**REQUIRED ACTION**
How does the data below read from its first line through the line containing "entity with a"? Print those lines exactly.

**Collected data**
[Start of section]
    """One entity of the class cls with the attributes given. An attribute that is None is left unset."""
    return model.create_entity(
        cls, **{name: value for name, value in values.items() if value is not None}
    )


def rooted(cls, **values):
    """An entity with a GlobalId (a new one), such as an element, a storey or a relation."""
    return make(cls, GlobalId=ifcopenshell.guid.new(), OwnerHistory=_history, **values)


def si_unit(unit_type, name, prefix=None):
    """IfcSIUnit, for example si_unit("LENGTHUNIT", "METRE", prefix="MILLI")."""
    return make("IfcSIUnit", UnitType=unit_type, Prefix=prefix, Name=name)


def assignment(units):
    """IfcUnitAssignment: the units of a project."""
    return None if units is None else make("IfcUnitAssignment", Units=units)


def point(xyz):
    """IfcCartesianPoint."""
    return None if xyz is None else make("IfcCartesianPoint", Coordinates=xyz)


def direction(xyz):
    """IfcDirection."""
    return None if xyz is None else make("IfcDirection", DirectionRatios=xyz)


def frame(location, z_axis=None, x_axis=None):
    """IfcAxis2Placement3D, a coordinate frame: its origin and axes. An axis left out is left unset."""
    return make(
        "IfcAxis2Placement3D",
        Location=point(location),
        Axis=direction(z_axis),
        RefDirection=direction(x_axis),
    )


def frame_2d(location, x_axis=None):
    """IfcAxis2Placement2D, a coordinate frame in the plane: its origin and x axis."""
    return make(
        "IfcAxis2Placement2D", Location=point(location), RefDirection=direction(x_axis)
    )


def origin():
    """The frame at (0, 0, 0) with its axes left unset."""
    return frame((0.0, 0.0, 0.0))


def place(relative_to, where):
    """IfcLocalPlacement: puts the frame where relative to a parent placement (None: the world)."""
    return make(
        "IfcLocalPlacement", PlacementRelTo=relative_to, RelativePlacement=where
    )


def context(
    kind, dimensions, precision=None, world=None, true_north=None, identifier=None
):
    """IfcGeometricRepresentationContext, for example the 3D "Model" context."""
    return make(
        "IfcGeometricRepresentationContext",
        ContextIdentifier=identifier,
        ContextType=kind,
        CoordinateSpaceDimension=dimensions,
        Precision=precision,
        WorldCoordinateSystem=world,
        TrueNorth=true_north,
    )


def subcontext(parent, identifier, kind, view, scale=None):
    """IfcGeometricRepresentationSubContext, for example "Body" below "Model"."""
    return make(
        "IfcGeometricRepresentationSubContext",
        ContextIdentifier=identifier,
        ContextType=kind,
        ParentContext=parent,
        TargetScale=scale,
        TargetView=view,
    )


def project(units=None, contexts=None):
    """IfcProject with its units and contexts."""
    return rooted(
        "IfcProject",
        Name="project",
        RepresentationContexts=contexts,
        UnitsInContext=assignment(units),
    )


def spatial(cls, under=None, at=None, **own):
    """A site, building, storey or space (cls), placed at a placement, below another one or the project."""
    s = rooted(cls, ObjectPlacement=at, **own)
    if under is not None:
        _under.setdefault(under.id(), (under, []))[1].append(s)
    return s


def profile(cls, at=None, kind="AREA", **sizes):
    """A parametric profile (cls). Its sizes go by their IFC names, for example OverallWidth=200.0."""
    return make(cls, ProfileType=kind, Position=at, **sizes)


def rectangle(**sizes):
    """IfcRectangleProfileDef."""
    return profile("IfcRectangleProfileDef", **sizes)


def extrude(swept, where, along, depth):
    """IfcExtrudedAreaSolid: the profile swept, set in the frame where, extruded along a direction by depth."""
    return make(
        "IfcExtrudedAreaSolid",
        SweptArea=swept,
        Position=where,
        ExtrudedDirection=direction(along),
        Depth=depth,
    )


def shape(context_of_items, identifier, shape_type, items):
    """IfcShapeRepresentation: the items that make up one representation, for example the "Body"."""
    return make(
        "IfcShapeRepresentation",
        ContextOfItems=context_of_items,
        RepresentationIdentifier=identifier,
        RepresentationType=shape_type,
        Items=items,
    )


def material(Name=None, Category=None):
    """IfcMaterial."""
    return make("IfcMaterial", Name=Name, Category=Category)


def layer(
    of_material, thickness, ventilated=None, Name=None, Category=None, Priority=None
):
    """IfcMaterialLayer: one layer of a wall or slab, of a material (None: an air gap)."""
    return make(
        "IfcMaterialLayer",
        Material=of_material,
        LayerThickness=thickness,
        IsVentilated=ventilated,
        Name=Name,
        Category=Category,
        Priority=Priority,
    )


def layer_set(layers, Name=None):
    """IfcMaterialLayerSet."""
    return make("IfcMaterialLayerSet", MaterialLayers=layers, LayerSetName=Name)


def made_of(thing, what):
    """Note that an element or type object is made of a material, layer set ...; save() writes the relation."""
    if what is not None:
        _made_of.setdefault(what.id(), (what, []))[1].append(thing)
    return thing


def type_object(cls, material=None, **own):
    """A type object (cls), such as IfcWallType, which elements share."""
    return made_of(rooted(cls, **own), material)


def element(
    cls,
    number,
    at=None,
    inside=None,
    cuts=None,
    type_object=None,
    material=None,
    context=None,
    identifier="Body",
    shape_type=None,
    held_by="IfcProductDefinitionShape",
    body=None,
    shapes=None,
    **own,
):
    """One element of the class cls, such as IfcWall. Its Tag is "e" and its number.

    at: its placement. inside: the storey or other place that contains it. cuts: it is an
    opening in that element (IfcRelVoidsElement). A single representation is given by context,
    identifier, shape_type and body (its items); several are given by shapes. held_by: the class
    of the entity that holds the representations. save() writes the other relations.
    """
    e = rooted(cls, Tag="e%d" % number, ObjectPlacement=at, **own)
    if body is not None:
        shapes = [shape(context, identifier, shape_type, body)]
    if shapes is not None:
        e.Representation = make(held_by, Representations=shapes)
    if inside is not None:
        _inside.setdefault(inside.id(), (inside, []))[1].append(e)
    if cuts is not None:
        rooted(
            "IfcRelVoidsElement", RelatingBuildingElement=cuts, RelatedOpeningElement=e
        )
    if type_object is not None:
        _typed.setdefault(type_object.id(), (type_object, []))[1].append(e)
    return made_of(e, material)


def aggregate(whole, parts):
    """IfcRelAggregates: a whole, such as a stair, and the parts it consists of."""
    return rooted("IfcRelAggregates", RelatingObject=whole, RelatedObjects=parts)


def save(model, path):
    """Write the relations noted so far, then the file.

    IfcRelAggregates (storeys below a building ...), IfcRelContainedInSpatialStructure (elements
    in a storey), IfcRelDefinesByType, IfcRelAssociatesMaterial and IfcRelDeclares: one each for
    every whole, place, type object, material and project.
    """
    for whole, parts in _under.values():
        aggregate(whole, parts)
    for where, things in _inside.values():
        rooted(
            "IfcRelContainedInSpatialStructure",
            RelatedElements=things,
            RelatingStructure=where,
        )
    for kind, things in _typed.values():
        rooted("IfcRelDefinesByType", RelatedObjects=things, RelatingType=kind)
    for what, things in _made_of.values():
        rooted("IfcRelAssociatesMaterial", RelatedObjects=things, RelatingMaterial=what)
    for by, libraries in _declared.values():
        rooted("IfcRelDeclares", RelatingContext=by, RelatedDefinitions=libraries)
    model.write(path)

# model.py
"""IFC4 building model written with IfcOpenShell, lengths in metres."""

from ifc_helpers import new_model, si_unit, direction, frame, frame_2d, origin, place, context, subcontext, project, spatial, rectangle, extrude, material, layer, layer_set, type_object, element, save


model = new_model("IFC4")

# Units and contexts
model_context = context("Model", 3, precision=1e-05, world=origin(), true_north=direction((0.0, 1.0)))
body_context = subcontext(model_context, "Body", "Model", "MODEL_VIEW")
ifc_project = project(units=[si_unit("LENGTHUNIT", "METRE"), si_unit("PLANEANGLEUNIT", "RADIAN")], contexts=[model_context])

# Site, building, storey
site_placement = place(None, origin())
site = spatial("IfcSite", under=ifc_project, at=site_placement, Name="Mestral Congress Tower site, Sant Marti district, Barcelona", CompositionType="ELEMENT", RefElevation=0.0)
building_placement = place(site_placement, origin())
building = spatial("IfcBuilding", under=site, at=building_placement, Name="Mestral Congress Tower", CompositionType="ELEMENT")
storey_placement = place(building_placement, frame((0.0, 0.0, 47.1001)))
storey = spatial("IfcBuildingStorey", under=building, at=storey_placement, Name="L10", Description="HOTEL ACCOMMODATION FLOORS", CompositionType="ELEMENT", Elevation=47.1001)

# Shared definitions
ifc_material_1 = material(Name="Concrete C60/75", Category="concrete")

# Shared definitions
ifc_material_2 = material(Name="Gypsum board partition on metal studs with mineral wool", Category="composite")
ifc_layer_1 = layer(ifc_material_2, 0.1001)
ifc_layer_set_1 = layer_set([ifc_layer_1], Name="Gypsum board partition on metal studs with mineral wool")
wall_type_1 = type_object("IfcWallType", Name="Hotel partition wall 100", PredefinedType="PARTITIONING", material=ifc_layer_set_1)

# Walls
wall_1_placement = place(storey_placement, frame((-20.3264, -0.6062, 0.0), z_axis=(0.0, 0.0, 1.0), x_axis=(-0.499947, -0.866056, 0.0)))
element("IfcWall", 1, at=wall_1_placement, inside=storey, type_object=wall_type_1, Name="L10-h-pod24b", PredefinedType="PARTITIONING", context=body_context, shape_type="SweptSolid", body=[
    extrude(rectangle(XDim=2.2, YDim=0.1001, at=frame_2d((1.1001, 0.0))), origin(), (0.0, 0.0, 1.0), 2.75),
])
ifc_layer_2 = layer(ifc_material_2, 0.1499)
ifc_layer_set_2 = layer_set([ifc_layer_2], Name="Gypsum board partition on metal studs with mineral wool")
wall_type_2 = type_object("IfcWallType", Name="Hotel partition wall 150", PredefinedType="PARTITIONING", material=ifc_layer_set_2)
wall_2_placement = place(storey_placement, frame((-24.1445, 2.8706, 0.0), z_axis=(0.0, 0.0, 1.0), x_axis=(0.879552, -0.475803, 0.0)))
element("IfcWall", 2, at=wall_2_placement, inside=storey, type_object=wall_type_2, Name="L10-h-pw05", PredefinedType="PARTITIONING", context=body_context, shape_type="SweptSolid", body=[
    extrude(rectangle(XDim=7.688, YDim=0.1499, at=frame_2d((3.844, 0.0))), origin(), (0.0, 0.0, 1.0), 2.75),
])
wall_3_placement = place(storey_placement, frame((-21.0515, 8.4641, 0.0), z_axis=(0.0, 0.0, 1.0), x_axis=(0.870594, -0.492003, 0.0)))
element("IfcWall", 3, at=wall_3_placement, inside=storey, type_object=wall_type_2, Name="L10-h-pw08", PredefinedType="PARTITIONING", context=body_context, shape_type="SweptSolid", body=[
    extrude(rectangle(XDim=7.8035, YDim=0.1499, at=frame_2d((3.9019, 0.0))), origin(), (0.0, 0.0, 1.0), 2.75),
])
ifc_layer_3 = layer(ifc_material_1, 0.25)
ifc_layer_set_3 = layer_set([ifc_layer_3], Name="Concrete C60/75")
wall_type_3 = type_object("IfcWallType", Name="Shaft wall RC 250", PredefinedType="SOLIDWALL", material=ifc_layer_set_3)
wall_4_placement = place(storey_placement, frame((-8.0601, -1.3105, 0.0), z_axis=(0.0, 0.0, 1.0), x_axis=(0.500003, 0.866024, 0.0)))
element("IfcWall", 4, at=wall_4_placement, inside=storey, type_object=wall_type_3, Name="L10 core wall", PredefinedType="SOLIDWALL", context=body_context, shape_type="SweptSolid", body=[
[End of section]
**ANSWER BOX**
    """One entity of the class cls with the attributes given. An attribute that is None is left unset."""
    return model.create_entity(
        cls, **{name: value for name, value in values.items() if value is not None}
    )


def rooted(cls, **values):
    """An entity with a GlobalId (a new one), such as an element, a storey or a relation."""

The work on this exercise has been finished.